+++ EXERCISE INPUTS
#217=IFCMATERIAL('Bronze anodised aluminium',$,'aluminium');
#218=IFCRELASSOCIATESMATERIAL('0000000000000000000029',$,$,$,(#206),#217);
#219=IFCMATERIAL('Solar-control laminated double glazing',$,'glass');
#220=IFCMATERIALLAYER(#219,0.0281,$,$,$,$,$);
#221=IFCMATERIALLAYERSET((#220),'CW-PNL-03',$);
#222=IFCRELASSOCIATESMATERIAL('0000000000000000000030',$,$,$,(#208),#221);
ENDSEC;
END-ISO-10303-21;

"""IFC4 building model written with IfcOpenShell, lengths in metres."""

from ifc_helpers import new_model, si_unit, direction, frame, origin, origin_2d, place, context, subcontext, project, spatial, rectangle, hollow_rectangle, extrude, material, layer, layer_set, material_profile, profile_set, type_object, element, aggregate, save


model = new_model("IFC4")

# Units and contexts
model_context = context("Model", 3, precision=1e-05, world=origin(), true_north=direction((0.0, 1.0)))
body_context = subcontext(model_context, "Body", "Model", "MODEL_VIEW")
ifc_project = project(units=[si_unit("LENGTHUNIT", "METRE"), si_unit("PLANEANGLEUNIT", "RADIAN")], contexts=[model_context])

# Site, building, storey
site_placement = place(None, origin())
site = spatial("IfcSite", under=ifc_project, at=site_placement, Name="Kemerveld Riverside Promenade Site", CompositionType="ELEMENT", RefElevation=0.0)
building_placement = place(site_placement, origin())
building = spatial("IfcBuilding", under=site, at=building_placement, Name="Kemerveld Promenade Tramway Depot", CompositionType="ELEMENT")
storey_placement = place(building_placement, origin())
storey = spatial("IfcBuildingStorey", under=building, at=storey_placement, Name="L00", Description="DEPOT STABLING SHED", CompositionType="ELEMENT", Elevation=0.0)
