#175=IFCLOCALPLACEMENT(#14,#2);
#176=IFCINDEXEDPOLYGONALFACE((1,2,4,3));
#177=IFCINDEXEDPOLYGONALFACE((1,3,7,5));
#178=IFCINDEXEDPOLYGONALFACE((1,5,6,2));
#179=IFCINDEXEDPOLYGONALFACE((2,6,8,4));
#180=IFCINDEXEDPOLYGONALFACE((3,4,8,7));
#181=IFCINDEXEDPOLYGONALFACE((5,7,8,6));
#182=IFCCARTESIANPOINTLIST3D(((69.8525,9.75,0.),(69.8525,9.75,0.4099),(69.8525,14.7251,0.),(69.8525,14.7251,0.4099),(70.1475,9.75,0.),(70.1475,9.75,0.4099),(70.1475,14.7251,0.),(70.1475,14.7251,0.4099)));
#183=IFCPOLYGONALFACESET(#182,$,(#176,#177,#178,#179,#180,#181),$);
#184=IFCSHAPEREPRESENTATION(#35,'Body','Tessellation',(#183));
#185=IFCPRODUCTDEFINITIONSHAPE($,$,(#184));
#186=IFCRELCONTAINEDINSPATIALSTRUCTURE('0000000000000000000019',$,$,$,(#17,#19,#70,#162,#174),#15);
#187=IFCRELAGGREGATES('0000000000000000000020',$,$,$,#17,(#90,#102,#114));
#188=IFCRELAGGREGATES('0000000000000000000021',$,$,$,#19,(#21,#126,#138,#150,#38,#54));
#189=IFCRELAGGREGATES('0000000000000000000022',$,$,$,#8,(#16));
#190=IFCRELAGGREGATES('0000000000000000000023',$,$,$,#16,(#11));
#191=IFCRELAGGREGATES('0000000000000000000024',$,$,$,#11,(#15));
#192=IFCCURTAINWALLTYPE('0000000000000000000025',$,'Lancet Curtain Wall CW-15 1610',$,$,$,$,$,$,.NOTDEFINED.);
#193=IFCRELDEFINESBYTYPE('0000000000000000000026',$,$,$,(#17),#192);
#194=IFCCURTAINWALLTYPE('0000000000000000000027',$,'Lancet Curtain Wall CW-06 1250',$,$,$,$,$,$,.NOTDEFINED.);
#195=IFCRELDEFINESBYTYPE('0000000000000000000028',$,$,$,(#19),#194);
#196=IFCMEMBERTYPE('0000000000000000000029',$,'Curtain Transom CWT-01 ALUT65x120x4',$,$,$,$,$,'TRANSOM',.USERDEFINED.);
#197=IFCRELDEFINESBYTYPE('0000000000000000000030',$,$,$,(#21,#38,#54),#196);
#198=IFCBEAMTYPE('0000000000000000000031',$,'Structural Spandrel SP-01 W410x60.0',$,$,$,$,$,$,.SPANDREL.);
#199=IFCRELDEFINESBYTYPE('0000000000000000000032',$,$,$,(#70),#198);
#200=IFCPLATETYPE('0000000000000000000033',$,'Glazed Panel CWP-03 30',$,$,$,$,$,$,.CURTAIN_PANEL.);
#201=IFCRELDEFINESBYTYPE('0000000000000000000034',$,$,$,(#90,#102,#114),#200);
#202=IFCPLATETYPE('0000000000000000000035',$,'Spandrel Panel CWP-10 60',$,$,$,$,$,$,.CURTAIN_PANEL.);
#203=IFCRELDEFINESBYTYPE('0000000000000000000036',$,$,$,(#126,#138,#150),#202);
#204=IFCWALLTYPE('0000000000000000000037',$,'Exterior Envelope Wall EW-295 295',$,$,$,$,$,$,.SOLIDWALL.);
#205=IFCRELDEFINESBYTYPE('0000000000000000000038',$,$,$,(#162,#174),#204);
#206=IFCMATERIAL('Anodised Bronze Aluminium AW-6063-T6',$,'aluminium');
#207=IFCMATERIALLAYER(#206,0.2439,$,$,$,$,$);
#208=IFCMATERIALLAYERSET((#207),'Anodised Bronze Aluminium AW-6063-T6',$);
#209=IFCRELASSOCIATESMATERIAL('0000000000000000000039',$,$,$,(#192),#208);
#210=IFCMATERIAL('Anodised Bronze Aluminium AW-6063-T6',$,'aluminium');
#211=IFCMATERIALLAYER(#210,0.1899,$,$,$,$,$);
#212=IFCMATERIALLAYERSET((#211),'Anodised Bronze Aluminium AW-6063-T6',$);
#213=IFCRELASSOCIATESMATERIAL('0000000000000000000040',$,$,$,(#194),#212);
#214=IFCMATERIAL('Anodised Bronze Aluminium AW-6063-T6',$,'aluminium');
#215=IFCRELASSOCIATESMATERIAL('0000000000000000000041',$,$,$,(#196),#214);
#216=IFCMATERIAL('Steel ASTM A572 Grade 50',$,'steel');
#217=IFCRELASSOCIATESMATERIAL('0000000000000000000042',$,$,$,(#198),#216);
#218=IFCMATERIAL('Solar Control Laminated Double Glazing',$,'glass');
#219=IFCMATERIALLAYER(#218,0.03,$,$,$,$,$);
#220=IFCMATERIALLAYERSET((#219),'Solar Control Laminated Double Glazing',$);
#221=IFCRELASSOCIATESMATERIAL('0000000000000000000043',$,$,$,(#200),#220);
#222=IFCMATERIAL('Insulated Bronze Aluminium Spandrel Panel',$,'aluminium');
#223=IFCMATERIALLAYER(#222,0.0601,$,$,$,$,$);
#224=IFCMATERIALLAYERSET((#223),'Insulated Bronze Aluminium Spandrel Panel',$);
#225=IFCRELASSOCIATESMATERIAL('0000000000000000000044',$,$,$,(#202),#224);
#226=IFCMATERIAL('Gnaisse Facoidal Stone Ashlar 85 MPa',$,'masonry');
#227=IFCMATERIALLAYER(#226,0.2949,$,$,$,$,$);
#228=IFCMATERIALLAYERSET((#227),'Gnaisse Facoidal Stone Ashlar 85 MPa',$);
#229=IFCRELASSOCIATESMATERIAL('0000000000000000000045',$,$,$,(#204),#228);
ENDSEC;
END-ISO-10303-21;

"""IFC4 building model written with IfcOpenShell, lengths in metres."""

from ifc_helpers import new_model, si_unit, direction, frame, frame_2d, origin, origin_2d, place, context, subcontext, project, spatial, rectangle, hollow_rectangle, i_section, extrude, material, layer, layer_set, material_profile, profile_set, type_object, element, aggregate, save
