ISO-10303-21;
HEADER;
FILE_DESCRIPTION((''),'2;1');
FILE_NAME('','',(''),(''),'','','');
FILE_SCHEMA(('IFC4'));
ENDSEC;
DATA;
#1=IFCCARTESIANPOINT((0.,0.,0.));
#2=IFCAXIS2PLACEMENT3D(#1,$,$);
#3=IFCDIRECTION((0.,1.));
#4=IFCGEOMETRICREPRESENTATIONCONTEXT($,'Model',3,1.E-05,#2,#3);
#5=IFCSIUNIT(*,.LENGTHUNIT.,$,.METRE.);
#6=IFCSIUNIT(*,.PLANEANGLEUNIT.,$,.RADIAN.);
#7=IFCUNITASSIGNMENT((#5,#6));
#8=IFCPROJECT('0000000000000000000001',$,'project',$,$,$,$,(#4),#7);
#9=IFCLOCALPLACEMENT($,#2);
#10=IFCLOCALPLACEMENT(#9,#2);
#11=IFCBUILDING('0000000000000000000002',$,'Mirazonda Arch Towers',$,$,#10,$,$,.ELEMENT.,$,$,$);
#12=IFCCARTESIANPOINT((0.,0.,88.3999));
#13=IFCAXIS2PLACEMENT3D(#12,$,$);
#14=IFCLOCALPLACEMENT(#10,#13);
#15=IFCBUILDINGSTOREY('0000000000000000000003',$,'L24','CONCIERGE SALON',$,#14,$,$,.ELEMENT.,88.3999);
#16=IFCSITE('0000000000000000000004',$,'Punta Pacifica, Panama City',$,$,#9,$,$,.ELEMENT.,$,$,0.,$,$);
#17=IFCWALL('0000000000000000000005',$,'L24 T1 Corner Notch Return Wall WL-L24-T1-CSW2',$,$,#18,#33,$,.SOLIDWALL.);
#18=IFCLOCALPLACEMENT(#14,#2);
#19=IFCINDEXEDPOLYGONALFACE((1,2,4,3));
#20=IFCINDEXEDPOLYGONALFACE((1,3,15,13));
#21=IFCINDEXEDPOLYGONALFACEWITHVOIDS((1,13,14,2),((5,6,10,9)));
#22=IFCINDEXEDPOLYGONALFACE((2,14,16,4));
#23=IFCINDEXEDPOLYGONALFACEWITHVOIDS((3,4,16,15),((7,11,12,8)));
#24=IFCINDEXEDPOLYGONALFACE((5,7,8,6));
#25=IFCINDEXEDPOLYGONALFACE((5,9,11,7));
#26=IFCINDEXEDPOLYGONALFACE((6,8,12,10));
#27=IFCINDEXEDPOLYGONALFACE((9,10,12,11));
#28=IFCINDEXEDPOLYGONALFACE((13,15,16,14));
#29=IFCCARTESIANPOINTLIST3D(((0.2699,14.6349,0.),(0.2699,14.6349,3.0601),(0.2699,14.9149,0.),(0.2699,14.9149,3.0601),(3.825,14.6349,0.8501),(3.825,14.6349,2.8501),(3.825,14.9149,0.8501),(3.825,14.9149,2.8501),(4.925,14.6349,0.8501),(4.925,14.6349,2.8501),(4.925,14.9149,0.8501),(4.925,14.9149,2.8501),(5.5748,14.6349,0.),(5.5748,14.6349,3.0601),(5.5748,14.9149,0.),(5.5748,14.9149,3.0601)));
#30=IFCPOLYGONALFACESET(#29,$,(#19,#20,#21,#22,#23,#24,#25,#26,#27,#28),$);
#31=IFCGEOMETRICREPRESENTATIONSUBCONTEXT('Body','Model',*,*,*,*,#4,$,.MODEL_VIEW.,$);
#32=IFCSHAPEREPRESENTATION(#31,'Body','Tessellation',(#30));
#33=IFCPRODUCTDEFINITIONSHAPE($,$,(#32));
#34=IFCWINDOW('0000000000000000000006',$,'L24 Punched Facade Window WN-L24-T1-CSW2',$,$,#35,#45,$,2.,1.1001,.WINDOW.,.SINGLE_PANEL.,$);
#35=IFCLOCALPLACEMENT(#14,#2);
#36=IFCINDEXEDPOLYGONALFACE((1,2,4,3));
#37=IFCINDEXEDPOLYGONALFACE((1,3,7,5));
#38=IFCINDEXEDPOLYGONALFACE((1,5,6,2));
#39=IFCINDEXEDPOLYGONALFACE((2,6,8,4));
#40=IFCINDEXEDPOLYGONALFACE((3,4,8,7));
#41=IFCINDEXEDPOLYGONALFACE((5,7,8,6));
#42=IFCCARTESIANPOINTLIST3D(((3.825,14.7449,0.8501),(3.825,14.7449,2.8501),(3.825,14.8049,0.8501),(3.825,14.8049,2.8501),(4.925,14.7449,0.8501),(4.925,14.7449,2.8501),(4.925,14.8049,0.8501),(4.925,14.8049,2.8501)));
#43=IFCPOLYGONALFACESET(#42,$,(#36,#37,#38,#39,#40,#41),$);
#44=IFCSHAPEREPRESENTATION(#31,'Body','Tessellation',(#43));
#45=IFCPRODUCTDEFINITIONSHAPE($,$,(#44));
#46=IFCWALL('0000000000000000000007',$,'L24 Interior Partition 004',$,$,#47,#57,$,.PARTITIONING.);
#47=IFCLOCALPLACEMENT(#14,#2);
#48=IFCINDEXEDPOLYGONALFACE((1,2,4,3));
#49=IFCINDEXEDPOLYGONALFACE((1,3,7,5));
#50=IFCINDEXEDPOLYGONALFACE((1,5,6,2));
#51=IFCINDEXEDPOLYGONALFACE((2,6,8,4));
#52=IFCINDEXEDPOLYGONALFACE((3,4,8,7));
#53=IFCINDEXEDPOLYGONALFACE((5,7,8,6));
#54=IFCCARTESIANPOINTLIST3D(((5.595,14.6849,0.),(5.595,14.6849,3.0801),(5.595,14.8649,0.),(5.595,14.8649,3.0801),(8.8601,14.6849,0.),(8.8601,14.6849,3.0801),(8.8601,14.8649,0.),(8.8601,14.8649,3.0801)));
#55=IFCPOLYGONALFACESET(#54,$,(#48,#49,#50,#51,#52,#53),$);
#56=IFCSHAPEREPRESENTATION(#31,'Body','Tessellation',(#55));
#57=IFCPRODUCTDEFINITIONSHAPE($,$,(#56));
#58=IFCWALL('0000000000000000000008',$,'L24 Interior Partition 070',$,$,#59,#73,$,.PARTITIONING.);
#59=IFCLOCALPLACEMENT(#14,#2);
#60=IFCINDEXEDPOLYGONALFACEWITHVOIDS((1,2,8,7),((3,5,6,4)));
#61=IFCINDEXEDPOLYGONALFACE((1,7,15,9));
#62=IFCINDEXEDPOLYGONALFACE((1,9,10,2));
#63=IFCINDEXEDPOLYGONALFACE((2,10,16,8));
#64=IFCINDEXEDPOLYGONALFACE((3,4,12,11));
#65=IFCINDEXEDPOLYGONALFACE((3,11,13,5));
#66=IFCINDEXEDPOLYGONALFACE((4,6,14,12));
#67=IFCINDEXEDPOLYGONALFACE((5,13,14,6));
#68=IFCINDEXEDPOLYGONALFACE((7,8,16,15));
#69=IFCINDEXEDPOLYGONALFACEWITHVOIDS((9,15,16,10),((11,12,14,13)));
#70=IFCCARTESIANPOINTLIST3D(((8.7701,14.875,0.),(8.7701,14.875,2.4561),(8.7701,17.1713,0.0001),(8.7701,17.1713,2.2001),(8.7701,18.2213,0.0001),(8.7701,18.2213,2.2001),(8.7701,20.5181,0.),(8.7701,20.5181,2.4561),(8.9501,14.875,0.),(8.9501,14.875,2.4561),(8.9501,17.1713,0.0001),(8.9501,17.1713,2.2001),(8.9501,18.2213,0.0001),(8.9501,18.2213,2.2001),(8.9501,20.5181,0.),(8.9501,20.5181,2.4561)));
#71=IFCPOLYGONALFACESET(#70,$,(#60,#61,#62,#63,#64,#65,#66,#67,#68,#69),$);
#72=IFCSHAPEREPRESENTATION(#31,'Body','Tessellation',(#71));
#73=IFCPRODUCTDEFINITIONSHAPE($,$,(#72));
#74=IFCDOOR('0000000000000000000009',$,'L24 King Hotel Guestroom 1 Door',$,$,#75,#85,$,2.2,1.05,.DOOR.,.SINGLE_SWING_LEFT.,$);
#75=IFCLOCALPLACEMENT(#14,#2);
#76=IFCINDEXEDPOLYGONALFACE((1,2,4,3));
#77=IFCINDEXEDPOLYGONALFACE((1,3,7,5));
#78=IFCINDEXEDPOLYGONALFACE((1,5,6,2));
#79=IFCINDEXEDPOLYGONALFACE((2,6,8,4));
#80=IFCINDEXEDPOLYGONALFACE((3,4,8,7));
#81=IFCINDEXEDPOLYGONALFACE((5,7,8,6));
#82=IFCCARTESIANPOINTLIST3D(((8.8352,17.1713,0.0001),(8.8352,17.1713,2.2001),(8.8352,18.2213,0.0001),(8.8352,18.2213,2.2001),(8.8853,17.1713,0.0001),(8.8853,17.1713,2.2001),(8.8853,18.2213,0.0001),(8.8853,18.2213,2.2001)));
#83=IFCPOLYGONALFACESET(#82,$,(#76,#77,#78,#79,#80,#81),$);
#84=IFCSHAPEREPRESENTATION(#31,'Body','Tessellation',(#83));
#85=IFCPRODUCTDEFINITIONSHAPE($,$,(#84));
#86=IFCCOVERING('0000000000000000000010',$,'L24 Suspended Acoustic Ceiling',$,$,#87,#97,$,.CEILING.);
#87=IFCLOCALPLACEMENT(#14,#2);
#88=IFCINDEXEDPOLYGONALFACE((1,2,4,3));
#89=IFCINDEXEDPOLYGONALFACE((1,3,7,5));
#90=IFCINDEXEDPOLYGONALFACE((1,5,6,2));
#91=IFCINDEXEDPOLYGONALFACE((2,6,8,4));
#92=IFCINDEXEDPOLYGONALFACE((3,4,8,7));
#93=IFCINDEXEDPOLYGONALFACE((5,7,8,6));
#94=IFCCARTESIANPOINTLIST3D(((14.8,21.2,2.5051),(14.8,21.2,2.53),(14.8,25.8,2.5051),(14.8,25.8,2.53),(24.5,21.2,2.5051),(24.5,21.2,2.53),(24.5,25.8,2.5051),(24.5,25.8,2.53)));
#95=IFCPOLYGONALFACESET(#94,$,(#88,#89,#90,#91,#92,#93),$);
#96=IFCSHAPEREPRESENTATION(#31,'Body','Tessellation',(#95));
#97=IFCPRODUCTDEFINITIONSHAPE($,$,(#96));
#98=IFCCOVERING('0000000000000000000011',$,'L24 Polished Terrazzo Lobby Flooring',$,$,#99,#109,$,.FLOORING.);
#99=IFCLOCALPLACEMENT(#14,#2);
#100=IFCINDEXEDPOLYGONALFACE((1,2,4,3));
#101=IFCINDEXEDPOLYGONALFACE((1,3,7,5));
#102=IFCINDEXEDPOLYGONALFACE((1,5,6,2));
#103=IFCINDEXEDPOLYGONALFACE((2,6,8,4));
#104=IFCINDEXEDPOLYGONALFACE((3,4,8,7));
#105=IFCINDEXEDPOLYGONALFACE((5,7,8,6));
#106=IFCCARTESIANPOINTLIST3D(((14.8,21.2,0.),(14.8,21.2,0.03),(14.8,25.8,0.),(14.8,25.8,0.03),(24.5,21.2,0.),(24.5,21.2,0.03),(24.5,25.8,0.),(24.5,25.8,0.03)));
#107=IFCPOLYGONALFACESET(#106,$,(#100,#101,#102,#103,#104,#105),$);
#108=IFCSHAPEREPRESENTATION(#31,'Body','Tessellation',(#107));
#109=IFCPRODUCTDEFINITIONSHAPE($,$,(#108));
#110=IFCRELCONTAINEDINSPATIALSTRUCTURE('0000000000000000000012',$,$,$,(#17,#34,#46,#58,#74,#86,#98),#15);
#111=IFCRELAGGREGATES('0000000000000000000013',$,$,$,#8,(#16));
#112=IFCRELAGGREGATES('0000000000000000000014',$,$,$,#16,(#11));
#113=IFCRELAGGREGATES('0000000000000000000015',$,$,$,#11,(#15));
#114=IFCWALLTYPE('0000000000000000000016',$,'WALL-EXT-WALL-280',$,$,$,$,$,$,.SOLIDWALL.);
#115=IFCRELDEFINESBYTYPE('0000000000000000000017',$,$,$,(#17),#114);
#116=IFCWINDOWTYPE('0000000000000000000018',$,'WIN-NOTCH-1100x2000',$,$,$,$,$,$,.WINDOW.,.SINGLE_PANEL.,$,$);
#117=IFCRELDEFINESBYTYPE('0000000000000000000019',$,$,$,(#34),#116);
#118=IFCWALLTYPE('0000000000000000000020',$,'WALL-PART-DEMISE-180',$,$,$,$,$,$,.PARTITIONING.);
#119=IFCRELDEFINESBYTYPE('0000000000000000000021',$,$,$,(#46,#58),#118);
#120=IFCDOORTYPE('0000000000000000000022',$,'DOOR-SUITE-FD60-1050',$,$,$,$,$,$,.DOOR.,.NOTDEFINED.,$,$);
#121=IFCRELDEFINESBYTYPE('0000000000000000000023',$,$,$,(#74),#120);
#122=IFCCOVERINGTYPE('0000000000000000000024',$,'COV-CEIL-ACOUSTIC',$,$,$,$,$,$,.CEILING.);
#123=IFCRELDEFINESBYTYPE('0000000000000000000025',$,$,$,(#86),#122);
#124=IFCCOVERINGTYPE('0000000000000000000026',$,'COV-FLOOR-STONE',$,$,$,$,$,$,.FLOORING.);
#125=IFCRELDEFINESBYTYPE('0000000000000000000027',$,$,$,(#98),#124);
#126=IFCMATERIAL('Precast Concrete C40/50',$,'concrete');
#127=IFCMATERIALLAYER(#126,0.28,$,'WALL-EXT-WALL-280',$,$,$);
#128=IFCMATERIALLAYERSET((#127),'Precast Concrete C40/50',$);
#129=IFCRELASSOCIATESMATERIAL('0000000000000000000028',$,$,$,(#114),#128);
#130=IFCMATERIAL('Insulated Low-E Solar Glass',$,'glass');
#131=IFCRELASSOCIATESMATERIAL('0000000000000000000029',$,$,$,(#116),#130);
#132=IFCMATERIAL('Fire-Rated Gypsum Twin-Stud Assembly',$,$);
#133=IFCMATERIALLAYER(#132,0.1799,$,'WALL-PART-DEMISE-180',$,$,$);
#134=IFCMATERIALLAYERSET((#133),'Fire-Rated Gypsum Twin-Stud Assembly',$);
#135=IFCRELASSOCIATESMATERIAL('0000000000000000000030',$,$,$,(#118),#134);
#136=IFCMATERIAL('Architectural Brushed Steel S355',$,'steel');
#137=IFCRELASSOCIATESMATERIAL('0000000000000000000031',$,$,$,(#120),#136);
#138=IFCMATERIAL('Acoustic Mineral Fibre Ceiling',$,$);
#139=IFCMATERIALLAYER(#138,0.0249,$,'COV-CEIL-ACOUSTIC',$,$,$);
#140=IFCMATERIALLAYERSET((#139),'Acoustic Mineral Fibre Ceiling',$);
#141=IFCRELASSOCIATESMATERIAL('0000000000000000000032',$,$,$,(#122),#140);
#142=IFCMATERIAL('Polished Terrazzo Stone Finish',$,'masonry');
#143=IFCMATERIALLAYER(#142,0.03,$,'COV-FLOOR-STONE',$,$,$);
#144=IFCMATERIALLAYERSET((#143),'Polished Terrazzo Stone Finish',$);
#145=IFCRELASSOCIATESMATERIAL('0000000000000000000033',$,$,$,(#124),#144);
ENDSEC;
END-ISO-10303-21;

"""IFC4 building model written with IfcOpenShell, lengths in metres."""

from ifc_helpers import new_model, si_unit, direction, frame, frame_2d, origin, place, context, subcontext, project, spatial, polyline, rectangle, outline, extrude, material, layer, layer_set, type_object, element, fill, save


model = new_model("IFC4")

# Units and contexts
model_context = context("Model", 3, precision=1e-05, world=origin(), true_north=direction((0.0, 1.0)))
body_context = subcontext(model_context, "Body", "Model", "MODEL_VIEW")
ifc_project = project(units=[si_unit("LENGTHUNIT", "METRE"), si_unit("PLANEANGLEUNIT", "RADIAN")], contexts=[model_context])

# Site, building, storey
site_placement = place(None, origin())
site = spatial("IfcSite", under=ifc_project, at=site_placement, Name="Punta Pacifica, Panama City", CompositionType="ELEMENT", RefElevation=0.0)
building_placement = place(site_placement, origin())
building = spatial("IfcBuilding", under=site, at=building_placement, Name="Mirazonda Arch Towers", CompositionType="ELEMENT")
storey_placement = place(building_placement, frame((0.0, 0.0, 88.3999)))
storey = spatial("IfcBuildingStorey", under=building, at=storey_placement, Name="L24", Description="CONCIERGE SALON", CompositionType="ELEMENT", Elevation=88.3999)

# Shared definitions
ifc_material_1 = material(Name="Insulated Low-E Solar Glass", Category="glass")

# Wall, opening, window
ifc_material_2 = material(Name="Precast Concrete C40/50", Category="concrete")
ifc_layer_1 = layer(ifc_material_2, 0.28, Name="WALL-EXT-WALL-280")
ifc_layer_set_1 = layer_set([ifc_layer_1], Name="Precast Concrete C40/50")
wall_type_1 = type_object("IfcWallType", Name="WALL-EXT-WALL-280", PredefinedType="SOLIDWALL", material=ifc_layer_set_1)
wall_1_placement = place(storey_placement, frame((0.27, 14.7749, 0.0), z_axis=(0.0, 0.0, 1.0), x_axis=(1.0, 0.0, 0.0)))
wall_1 = element("IfcWall", 1, at=wall_1_placement, inside=storey, type_object=wall_type_1, Name="L24 T1 Corner Notch Return Wall WL-L24-T1-CSW2", PredefinedType="SOLIDWALL", context=body_context, shape_type="SweptSolid", body=[
    extrude(rectangle(XDim=5.3049, YDim=0.28, at=frame_2d((2.6523, 0.0))), origin(), (0.0, 0.0, 1.0), 3.0601),
])
opening_1_placement = place(wall_1_placement, frame((3.5549, 0.0, 0.8501)))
++++++
* [TASK TO COMPLETE]: Starting with the first line of the listing above and ending with the line that holds "#176=IFCINDEXEDPOLYGONALFACE((1,2,4,3));", return those lines exactly as written, both included.

* [RESPONSE TO THIS EXERCISE]:
#217=IFCMATERIAL('Bronze anodised aluminium',$,'aluminium');
#218=IFCRELASSOCIATESMATERIAL('0000000000000000000029',$,$,$,(#206),#217);
#219=IFCMATERIAL('Solar-control laminated double glazing',$,'glass');
#220=IFCMATERIALLAYER(#219,0.0281,$,$,$,$,$);
#221=IFCMATERIALLAYERSET((#220),'CW-PNL-03',$);
#222=IFCRELASSOCIATESMATERIAL('0000000000000000000030',$,$,$,(#208),#221);
ENDSEC;
END-ISO-10303-21;

"""IFC4 building model written with IfcOpenShell, lengths in metres."""

from ifc_helpers import new_model, si_unit, direction, frame, origin, origin_2d, place, context, subcontext, project, spatial, rectangle, hollow_rectangle, extrude, material, layer, layer_set, material_profile, profile_set, type_object, element, aggregate, save


model = new_model("IFC4")

# Units and contexts
model_context = context("Model", 3, precision=1e-05, world=origin(), true_north=direction((0.0, 1.0)))
body_context = subcontext(model_context, "Body", "Model", "MODEL_VIEW")
ifc_project = project(units=[si_unit("LENGTHUNIT", "METRE"), si_unit("PLANEANGLEUNIT", "RADIAN")], contexts=[model_context])

# Site, building, storey
site_placement = place(None, origin())
site = spatial("IfcSite", under=ifc_project, at=site_placement, Name="Kemerveld Riverside Promenade Site", CompositionType="ELEMENT", RefElevation=0.0)
building_placement = place(site_placement, origin())
building = spatial("IfcBuilding", under=site, at=building_placement, Name="Kemerveld Promenade Tramway Depot", CompositionType="ELEMENT")
storey_placement = place(building_placement, origin())
storey = spatial("IfcBuildingStorey", under=building, at=storey_placement, Name="L00", Description="DEPOT STABLING SHED", CompositionType="ELEMENT", Elevation=0.0)
#175=IFCLOCALPLACEMENT(#14,#2);
#176=IFCINDEXEDPOLYGONALFACE((1,2,4,3));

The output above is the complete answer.